>>>>>
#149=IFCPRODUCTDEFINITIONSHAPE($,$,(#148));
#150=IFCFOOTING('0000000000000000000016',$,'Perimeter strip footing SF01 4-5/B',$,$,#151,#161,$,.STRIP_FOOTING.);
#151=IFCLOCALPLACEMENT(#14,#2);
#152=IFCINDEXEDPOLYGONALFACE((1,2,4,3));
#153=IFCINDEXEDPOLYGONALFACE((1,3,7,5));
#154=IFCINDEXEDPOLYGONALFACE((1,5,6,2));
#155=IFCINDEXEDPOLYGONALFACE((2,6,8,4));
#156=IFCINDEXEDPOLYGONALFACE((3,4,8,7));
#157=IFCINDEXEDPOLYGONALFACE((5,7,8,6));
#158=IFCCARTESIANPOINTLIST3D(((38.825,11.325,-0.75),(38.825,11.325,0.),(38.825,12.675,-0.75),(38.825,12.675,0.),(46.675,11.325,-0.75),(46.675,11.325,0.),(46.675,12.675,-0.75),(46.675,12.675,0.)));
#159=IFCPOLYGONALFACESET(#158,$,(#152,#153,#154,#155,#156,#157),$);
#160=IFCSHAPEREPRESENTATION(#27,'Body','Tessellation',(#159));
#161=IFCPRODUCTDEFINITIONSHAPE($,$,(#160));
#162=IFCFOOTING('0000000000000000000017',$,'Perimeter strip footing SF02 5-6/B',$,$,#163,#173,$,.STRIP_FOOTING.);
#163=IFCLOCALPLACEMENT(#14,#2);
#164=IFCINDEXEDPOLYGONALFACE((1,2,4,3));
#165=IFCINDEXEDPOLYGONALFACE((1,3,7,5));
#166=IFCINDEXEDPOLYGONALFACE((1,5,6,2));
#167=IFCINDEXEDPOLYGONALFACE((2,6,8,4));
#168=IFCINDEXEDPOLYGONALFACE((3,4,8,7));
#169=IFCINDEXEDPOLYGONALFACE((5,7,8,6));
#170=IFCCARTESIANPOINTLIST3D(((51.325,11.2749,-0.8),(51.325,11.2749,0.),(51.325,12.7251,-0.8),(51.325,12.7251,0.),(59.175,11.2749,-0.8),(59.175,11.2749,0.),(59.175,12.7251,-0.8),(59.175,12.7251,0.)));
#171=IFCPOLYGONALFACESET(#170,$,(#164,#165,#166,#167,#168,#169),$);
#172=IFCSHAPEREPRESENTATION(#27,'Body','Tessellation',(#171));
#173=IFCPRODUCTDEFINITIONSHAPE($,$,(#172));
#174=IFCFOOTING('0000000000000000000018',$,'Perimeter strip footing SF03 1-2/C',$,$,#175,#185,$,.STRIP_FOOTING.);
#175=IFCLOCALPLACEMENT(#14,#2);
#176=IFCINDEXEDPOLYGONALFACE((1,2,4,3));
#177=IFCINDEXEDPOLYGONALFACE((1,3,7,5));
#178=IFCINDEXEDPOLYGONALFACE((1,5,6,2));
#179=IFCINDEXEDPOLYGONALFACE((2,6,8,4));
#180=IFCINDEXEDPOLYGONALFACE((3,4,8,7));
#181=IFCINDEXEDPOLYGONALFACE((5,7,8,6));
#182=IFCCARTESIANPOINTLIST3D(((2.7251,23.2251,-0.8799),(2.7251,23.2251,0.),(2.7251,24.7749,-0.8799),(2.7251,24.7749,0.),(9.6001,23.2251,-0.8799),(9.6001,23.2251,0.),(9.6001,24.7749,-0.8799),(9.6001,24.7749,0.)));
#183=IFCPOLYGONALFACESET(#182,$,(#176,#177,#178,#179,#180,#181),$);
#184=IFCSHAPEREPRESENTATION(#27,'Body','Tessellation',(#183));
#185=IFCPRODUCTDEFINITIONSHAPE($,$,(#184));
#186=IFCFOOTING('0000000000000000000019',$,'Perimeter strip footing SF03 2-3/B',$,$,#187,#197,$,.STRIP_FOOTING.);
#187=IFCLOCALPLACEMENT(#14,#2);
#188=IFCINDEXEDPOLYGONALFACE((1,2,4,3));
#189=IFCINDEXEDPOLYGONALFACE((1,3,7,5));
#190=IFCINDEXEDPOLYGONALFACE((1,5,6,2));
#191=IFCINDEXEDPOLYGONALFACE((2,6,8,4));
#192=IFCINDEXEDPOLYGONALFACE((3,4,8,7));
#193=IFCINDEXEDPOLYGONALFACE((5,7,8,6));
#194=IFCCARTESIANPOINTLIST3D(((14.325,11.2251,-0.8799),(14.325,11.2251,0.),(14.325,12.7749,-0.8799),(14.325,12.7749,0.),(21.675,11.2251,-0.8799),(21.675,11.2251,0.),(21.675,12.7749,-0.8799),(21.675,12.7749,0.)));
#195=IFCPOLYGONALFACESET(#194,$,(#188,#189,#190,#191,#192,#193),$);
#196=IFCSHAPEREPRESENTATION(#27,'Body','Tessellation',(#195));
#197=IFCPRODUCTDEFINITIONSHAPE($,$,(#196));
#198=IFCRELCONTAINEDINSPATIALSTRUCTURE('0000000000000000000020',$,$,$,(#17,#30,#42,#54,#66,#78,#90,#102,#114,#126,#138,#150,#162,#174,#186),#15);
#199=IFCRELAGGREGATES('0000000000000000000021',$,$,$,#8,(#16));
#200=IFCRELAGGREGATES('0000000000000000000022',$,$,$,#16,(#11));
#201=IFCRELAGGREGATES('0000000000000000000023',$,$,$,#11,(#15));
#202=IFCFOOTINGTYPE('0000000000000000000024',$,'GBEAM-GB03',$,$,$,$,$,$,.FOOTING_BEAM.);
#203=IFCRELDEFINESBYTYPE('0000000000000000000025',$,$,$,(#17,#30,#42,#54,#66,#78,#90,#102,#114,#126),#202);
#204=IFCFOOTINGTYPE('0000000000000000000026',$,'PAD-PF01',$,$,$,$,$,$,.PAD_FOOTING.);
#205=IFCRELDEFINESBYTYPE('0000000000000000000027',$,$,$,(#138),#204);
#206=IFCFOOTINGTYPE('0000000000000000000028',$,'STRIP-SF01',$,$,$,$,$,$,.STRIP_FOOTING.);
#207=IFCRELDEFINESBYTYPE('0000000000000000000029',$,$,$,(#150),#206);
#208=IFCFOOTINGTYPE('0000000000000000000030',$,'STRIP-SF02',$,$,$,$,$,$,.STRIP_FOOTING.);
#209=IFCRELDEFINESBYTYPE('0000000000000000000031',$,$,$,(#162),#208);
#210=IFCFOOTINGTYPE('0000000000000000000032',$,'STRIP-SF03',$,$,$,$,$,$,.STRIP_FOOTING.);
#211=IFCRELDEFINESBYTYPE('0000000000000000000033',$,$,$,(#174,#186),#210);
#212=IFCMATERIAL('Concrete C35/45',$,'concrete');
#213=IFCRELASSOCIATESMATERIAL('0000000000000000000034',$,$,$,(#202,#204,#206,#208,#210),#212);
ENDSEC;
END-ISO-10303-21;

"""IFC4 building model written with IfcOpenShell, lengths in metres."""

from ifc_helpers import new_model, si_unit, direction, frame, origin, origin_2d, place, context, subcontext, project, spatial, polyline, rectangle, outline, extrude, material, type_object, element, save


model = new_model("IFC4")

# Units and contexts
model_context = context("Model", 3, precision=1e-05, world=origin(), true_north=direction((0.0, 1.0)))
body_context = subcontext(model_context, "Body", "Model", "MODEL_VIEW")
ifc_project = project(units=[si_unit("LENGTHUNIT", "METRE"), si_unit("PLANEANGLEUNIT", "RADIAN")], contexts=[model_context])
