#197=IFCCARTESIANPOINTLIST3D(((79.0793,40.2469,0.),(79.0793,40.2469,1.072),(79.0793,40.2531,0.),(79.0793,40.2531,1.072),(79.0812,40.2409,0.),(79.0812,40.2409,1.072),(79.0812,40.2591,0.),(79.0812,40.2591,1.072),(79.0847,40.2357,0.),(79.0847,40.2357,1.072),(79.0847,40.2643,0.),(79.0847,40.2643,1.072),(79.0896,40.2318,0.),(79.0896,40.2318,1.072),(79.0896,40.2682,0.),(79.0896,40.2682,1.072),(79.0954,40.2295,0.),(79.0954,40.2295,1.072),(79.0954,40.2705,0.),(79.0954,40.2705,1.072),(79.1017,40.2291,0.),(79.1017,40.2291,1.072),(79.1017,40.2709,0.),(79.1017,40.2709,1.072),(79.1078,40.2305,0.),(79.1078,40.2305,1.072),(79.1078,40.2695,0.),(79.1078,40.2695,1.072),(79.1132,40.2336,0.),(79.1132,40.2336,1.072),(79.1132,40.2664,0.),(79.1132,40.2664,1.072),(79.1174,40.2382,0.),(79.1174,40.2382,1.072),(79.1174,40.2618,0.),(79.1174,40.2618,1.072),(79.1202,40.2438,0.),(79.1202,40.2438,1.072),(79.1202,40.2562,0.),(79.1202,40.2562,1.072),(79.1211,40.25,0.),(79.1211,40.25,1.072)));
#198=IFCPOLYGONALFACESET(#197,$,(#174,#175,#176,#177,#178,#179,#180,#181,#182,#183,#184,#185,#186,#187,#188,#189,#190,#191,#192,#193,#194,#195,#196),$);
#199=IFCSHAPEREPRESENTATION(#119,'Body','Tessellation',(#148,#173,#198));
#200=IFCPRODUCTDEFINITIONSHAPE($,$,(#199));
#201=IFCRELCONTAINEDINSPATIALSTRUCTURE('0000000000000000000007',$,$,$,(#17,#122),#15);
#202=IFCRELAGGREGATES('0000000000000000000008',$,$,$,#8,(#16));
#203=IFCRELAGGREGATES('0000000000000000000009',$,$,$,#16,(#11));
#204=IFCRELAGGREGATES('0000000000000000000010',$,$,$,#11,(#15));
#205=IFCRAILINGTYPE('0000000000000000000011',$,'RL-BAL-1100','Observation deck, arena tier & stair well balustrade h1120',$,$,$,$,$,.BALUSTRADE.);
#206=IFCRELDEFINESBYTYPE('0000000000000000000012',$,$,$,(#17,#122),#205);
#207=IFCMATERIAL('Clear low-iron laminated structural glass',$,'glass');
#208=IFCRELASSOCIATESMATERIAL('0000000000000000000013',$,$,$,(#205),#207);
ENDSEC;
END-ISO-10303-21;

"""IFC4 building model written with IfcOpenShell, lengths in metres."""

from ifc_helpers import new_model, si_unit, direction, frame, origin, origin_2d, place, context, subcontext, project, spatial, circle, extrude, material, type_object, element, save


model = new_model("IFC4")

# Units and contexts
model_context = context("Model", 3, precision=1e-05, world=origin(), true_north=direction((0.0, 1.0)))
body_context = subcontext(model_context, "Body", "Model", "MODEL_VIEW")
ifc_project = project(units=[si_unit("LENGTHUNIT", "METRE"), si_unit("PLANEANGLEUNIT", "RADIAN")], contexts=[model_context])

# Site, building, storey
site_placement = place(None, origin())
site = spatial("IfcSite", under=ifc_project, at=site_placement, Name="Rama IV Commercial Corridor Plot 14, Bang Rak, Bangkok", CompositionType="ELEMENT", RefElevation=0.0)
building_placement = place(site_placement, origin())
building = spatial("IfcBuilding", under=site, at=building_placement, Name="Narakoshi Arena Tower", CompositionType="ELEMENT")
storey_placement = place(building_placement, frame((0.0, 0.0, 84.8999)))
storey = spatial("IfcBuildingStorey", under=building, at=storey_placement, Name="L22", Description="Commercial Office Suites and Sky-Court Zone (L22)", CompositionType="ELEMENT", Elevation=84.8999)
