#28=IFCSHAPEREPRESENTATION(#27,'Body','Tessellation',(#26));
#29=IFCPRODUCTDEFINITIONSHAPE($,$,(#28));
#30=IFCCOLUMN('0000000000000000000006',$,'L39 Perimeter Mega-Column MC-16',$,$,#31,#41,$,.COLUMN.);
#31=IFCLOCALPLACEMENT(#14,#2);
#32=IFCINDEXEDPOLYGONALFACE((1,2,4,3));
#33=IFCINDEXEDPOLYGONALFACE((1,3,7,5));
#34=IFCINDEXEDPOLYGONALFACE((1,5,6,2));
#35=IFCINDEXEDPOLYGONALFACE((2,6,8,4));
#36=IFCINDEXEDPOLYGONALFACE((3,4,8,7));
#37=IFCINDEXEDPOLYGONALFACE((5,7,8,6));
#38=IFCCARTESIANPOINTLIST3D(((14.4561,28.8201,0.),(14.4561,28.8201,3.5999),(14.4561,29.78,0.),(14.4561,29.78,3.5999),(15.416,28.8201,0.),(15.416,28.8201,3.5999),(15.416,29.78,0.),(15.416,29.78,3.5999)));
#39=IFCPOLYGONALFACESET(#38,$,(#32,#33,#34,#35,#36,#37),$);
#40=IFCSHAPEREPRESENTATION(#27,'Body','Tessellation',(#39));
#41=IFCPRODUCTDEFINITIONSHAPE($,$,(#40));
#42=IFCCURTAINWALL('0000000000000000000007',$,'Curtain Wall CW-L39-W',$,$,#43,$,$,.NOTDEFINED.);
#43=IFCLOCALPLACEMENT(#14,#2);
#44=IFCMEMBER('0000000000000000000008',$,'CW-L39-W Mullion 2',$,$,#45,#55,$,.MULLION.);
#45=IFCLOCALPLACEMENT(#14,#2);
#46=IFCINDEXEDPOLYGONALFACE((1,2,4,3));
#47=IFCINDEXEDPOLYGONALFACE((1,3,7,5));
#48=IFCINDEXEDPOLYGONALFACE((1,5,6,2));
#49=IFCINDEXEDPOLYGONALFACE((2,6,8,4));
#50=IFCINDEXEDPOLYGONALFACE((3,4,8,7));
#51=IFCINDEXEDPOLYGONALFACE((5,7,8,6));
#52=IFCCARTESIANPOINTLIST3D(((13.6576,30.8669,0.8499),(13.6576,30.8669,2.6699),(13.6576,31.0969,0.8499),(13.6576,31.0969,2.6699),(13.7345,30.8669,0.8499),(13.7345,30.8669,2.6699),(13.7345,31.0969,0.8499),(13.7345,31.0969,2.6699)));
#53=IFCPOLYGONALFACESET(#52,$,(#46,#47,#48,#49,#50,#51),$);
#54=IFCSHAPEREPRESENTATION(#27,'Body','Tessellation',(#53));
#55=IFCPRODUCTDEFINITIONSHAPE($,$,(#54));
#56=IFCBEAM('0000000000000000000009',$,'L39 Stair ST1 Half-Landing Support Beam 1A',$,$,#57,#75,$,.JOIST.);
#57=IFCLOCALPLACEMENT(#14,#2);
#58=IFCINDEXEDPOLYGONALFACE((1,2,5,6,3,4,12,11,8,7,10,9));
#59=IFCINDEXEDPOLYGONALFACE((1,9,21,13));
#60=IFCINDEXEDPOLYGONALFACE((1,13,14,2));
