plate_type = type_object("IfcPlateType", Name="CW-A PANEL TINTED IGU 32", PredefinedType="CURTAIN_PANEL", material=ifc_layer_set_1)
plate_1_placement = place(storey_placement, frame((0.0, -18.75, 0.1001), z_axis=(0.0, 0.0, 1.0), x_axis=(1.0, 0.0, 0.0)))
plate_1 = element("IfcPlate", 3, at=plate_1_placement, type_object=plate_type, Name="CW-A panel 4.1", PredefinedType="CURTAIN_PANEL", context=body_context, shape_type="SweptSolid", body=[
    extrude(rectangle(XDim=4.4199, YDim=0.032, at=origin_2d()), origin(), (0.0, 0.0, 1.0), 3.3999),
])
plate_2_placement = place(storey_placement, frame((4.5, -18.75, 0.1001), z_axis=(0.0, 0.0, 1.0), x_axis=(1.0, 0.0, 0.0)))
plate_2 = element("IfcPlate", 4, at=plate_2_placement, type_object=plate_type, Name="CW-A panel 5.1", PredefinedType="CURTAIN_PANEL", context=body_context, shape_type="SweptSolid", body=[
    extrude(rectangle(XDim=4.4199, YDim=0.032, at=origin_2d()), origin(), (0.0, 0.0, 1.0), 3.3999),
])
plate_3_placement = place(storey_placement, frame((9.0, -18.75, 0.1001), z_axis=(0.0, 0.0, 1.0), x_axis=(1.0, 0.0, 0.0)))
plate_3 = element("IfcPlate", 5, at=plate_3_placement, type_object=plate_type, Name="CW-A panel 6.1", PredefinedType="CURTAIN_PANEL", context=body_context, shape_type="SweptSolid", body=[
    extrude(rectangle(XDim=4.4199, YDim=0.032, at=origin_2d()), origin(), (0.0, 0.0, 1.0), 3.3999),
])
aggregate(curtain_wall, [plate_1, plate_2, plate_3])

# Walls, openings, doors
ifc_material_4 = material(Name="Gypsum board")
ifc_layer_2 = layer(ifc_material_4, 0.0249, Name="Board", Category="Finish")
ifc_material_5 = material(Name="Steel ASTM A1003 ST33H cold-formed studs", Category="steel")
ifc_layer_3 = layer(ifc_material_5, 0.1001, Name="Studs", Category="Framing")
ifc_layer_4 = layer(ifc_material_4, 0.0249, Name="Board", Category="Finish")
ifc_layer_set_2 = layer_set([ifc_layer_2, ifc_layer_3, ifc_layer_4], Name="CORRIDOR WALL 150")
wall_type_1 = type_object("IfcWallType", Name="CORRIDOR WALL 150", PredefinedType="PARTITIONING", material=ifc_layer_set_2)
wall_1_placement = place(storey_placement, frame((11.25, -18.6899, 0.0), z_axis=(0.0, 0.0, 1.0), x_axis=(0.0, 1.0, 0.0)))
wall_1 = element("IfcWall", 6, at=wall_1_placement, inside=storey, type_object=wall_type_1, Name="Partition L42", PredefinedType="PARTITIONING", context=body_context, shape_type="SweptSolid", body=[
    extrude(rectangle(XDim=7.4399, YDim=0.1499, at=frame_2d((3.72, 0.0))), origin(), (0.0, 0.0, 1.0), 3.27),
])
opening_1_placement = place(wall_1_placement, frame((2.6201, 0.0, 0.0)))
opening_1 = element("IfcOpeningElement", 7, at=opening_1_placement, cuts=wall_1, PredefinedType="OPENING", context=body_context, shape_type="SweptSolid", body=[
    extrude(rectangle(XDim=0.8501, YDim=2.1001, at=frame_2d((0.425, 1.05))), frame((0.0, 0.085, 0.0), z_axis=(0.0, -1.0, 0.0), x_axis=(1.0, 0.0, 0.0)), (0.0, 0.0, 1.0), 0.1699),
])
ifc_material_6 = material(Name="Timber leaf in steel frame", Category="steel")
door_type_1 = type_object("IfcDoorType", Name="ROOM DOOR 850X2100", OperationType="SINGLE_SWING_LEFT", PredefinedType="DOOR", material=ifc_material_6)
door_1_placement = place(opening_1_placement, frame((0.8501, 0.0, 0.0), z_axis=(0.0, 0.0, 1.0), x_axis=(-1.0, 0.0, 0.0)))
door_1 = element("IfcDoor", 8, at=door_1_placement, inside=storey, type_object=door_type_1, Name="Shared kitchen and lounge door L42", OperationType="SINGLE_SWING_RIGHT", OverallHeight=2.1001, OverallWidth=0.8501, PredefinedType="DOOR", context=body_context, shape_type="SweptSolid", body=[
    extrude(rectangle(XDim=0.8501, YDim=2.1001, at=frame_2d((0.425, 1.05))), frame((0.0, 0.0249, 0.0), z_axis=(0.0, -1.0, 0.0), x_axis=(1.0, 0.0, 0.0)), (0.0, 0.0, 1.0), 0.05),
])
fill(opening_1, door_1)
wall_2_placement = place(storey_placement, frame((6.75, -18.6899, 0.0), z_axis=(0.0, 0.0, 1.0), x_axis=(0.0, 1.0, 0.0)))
<<<<<
§ **Assignment**:
Could you please retype the lines from the start of the data through the line with "#165=IFCINDEXEDPOLYGONALFACE((1,3,7,5));", both included, and nothing else?

§ **Answer to the exercise**:
#149=IFCPRODUCTDEFINITIONSHAPE($,$,(#148));
#150=IFCFOOTING('0000000000000000000016',$,'Perimeter strip footing SF01 4-5/B',$,$,#151,#161,$,.STRIP_FOOTING.);
#151=IFCLOCALPLACEMENT(#14,#2);
#152=IFCINDEXEDPOLYGONALFACE((1,2,4,3));
#153=IFCINDEXEDPOLYGONALFACE((1,3,7,5));
#154=IFCINDEXEDPOLYGONALFACE((1,5,6,2));
#155=IFCINDEXEDPOLYGONALFACE((2,6,8,4));
#156=IFCINDEXEDPOLYGONALFACE((3,4,8,7));
#157=IFCINDEXEDPOLYGONALFACE((5,7,8,6));
#158=IFCCARTESIANPOINTLIST3D(((38.825,11.325,-0.75),(38.825,11.325,0.),(38.825,12.675,-0.75),(38.825,12.675,0.),(46.675,11.325,-0.75),(46.675,11.325,0.),(46.675,12.675,-0.75),(46.675,12.675,0.)));
#159=IFCPOLYGONALFACESET(#158,$,(#152,#153,#154,#155,#156,#157),$);
#160=IFCSHAPEREPRESENTATION(#27,'Body','Tessellation',(#159));
#161=IFCPRODUCTDEFINITIONSHAPE($,$,(#160));
#162=IFCFOOTING('0000000000000000000017',$,'Perimeter strip footing SF02 5-6/B',$,$,#163,#173,$,.STRIP_FOOTING.);
#163=IFCLOCALPLACEMENT(#14,#2);
#164=IFCINDEXEDPOLYGONALFACE((1,2,4,3));
#165=IFCINDEXEDPOLYGONALFACE((1,3,7,5));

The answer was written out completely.